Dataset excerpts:

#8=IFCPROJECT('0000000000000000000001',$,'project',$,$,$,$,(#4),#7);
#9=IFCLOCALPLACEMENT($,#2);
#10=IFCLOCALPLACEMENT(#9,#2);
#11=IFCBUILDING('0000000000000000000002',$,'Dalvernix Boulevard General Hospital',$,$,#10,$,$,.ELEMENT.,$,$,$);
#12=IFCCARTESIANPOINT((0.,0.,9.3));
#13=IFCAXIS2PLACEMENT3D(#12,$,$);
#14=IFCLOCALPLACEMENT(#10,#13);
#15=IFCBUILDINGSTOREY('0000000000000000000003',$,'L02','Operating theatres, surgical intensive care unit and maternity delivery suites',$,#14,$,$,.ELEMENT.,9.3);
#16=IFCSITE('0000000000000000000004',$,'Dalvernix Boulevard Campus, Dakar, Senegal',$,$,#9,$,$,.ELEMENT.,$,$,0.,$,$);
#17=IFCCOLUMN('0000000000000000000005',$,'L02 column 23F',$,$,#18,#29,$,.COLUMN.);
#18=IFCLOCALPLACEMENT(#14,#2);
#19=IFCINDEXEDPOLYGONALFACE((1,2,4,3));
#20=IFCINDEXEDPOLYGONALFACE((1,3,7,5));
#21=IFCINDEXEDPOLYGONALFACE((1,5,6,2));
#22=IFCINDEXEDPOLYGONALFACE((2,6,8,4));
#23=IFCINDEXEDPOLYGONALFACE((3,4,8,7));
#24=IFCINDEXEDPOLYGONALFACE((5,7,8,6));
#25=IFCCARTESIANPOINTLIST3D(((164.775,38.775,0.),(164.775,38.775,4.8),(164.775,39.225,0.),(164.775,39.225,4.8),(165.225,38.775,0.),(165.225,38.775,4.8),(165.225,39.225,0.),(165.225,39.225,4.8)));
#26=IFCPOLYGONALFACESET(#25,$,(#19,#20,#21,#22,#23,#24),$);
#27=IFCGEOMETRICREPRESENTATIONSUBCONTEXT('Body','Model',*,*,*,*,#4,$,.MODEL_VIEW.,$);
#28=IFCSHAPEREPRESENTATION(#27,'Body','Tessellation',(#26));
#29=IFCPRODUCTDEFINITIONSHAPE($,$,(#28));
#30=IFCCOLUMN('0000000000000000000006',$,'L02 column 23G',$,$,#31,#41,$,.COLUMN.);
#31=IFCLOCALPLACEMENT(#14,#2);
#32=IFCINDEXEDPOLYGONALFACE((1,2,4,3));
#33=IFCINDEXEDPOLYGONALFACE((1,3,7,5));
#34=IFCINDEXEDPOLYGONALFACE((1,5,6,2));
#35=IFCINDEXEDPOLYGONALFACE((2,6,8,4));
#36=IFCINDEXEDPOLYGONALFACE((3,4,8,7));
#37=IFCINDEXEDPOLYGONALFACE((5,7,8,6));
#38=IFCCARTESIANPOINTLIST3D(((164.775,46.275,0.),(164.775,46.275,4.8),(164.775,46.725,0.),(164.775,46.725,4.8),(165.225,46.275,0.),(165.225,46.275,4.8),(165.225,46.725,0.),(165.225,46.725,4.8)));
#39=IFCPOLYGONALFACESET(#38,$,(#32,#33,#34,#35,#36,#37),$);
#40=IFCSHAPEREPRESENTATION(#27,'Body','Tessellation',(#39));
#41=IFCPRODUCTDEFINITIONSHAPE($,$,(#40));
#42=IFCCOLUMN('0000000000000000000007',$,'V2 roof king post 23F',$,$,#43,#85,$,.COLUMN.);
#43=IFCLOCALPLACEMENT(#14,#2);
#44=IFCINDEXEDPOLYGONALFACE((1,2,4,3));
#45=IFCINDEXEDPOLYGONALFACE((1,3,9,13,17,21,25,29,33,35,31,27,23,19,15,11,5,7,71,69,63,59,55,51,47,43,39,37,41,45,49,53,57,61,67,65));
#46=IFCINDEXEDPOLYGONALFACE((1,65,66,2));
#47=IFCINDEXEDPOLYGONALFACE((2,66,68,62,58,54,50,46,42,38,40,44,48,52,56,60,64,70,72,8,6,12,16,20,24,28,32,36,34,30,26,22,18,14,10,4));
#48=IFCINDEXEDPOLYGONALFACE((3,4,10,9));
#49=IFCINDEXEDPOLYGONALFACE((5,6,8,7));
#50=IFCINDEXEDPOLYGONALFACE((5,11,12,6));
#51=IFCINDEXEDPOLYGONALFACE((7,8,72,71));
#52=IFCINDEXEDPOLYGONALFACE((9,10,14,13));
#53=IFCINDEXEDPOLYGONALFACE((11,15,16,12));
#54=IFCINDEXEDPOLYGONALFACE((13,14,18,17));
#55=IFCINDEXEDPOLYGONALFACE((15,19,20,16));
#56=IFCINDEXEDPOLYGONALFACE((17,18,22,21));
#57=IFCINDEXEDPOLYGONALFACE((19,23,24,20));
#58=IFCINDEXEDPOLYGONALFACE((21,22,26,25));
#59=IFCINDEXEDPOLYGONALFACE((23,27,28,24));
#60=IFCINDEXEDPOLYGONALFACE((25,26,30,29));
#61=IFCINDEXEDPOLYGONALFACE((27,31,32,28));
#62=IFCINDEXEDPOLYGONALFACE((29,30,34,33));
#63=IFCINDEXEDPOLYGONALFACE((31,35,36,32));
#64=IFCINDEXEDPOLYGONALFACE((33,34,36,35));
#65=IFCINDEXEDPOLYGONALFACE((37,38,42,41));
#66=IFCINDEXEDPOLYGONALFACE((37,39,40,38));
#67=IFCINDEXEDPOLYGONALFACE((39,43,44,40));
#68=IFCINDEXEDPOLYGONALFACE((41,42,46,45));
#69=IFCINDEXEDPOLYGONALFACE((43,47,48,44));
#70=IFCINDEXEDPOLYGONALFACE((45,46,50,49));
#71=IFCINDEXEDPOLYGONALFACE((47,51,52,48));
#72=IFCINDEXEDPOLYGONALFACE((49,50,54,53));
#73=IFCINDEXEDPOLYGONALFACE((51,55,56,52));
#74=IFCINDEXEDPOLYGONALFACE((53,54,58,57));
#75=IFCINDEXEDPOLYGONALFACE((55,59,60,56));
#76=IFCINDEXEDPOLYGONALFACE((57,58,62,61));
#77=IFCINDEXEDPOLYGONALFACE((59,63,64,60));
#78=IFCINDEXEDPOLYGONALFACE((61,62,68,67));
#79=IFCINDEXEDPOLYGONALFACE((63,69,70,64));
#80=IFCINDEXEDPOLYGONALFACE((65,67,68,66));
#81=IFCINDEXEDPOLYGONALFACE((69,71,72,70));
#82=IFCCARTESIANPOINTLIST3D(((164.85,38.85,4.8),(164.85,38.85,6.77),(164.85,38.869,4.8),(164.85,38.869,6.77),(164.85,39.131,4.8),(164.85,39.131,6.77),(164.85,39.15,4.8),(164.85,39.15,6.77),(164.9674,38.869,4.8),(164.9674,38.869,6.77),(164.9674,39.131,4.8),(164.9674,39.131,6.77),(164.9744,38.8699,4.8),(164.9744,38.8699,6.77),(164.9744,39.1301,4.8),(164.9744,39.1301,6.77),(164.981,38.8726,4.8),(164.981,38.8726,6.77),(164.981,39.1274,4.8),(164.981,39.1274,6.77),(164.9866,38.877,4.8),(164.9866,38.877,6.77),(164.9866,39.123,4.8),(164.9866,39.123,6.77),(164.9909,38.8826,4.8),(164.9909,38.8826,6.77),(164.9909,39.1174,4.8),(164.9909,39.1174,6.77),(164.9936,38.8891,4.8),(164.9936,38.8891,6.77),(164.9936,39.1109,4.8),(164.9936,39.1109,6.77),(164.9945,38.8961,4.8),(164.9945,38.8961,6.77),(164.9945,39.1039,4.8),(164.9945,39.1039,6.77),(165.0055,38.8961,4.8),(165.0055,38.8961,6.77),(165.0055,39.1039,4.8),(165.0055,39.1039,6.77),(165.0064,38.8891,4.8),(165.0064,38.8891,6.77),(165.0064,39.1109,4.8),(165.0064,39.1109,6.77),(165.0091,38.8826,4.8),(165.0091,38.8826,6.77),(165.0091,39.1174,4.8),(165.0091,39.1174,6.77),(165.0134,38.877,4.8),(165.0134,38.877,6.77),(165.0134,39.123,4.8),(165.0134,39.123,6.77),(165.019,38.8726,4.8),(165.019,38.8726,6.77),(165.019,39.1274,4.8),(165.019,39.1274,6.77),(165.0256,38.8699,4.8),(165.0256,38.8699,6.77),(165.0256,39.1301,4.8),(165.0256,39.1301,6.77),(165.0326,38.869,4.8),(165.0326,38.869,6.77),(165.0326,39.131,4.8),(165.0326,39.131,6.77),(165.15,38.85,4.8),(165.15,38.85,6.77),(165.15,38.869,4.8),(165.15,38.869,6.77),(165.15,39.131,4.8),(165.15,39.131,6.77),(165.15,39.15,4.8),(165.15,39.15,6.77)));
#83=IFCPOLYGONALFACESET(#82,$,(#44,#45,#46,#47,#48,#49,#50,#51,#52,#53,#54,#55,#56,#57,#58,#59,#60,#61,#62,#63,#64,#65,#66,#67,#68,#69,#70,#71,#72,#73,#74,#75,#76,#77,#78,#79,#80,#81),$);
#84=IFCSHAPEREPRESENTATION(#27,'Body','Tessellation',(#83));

Work request: Take every line above that includes the string "COLUMN" and return it.

Exercise solution:
#17=IFCCOLUMN('0000000000000000000005',$,'L02 column 23F',$,$,#18,#29,$,.COLUMN.);
#30=IFCCOLUMN('0000000000000000000006',$,'L02 column 23G',$,$,#31,#41,$,.COLUMN.);
#42=IFCCOLUMN('0000000000000000000007',$,'V2 roof king post 23F',$,$,#43,#85,$,.COLUMN.);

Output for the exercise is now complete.